(How to complete this task): I need only the number of lines in this data that contain the string "IFCSHAPEREPRESENTATION".
┏━━
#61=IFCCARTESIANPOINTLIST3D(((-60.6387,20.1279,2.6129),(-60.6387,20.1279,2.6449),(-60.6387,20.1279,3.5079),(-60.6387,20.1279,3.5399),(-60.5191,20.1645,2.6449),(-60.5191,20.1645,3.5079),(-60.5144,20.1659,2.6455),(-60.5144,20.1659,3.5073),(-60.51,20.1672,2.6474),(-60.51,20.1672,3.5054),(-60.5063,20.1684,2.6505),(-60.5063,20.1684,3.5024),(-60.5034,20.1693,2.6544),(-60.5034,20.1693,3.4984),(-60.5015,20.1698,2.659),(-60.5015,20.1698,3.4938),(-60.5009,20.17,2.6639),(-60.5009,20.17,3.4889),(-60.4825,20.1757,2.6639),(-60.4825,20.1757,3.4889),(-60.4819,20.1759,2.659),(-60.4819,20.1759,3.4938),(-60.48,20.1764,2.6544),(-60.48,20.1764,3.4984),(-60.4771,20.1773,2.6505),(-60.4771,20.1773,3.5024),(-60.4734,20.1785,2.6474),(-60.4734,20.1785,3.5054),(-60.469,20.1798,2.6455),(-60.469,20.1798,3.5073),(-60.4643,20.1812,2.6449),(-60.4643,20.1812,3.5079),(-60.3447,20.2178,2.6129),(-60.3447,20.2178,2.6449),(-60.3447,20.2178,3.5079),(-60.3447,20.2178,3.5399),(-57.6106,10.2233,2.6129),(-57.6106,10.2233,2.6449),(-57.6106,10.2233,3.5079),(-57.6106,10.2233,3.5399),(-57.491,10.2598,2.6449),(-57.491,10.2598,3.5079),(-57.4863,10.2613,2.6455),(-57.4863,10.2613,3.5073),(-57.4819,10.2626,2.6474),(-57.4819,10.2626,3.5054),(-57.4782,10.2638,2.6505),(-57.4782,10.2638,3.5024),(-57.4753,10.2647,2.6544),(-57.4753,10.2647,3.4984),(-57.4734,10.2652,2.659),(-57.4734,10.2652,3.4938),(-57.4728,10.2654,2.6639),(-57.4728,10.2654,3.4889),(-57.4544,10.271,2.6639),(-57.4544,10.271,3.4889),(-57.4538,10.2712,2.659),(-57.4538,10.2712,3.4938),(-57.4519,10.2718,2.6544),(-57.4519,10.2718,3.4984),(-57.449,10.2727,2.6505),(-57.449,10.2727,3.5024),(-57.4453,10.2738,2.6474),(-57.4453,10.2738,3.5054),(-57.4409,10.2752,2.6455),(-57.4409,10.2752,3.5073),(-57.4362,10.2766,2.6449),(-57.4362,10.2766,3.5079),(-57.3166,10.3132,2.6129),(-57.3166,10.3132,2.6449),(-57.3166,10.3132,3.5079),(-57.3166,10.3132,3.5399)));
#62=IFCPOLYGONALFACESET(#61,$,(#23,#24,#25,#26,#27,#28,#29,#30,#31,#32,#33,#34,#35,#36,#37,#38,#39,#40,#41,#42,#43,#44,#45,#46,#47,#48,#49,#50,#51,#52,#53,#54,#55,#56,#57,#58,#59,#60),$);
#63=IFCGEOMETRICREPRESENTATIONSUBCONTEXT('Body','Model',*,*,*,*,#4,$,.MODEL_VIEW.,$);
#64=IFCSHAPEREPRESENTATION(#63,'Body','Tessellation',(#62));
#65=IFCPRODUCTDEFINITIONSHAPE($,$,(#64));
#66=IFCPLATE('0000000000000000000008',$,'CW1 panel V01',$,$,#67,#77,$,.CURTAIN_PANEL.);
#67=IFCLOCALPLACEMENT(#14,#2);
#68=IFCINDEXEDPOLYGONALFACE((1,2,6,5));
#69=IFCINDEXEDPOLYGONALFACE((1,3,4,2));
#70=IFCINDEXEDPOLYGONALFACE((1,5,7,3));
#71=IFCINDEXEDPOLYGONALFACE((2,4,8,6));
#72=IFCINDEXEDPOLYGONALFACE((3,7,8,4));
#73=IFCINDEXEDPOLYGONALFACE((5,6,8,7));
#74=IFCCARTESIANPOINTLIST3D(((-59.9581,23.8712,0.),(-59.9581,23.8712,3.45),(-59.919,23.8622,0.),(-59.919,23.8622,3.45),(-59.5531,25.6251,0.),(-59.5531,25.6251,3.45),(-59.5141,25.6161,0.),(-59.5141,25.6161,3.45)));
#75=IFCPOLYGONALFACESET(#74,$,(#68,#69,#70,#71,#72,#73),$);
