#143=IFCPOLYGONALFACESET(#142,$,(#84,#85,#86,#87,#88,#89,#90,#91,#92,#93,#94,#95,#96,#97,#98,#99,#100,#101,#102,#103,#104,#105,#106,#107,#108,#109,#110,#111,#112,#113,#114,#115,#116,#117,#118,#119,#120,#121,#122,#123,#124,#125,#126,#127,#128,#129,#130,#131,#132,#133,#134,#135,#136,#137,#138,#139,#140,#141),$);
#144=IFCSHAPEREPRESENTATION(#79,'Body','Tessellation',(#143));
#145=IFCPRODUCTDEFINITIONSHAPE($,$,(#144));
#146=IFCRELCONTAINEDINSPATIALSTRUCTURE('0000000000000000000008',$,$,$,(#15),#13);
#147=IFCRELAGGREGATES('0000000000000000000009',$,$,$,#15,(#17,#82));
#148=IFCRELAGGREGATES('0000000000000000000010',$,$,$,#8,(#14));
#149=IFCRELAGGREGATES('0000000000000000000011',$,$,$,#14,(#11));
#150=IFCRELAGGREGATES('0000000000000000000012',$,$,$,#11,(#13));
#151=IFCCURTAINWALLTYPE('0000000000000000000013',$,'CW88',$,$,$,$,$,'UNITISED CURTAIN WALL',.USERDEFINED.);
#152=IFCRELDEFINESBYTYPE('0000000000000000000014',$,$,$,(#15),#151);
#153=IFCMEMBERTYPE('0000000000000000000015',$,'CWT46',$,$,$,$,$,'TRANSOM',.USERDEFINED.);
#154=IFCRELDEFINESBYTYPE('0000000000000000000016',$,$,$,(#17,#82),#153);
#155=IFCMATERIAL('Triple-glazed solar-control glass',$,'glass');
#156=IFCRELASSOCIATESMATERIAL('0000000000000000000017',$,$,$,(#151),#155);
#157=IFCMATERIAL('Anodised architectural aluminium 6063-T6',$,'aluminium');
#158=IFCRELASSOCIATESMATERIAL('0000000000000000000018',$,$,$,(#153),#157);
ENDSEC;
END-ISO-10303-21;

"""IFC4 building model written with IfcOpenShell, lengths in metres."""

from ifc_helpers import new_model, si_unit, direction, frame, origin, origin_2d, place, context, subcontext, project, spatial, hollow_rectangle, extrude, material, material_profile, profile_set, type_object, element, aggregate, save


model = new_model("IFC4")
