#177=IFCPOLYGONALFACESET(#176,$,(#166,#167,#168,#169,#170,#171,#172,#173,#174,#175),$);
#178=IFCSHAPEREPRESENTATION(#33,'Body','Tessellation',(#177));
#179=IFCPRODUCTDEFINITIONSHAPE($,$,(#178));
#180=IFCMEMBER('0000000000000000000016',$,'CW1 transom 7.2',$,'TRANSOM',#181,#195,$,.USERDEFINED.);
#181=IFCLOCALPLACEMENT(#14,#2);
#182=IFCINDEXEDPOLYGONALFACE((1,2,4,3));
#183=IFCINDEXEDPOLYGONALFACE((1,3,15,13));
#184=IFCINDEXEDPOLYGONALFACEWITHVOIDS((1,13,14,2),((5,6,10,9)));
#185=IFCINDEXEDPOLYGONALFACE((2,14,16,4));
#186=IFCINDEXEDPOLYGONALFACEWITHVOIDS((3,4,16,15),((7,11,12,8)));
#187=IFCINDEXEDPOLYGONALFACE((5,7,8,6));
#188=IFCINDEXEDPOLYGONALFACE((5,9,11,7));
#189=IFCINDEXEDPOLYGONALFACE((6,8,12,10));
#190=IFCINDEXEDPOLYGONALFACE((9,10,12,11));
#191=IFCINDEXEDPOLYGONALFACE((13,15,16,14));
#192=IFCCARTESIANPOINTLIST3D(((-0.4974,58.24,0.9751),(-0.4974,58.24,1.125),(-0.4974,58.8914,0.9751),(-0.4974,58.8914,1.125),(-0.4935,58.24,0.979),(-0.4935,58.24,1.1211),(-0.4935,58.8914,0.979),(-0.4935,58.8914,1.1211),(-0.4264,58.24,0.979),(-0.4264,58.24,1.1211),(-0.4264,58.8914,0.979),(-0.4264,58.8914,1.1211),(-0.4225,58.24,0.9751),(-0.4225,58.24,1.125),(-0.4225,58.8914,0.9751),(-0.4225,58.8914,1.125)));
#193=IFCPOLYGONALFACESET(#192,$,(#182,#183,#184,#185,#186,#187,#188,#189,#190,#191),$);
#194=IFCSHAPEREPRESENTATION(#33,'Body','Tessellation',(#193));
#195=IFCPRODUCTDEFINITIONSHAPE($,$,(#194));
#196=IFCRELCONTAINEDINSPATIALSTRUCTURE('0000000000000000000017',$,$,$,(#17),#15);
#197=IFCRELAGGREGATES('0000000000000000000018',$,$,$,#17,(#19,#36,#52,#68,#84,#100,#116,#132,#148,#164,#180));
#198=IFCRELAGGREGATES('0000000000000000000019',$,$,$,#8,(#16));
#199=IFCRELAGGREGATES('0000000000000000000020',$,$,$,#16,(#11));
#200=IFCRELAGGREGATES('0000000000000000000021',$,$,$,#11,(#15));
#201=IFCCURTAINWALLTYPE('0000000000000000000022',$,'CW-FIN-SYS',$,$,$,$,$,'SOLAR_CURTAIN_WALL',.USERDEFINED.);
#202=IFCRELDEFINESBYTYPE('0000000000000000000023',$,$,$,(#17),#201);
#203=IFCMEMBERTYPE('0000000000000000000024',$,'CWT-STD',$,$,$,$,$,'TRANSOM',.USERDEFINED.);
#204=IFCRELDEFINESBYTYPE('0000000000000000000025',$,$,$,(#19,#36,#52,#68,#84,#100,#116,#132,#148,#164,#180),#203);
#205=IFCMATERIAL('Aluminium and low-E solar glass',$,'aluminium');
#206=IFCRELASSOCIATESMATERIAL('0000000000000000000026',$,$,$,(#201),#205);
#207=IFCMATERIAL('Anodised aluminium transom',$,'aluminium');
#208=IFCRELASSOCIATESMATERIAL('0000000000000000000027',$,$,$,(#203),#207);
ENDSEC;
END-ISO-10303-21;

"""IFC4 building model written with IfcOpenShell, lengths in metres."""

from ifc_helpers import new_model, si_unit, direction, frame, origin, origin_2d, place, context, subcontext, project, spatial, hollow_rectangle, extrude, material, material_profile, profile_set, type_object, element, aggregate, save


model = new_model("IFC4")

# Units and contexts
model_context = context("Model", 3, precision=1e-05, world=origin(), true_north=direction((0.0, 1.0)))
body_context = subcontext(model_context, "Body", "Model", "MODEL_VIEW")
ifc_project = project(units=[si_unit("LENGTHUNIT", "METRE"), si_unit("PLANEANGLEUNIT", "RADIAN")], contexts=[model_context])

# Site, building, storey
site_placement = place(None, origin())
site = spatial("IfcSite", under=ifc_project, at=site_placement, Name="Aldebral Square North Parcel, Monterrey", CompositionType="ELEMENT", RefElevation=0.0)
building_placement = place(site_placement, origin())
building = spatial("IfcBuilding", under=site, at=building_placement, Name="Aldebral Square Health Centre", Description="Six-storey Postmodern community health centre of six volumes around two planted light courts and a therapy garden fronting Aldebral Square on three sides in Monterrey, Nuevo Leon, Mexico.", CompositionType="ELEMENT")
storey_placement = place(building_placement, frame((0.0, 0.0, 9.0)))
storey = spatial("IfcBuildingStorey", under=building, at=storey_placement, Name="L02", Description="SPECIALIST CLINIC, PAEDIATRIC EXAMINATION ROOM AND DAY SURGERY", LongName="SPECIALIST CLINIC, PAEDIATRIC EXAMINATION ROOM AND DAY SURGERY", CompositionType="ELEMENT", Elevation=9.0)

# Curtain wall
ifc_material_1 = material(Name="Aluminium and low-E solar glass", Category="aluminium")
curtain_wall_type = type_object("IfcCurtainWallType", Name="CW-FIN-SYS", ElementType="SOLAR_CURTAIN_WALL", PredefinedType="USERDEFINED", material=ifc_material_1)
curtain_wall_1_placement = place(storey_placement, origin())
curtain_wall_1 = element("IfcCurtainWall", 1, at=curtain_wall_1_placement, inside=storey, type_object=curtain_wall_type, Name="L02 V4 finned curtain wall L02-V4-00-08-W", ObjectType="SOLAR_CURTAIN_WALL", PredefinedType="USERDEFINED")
┗━━
(Output for this task): 4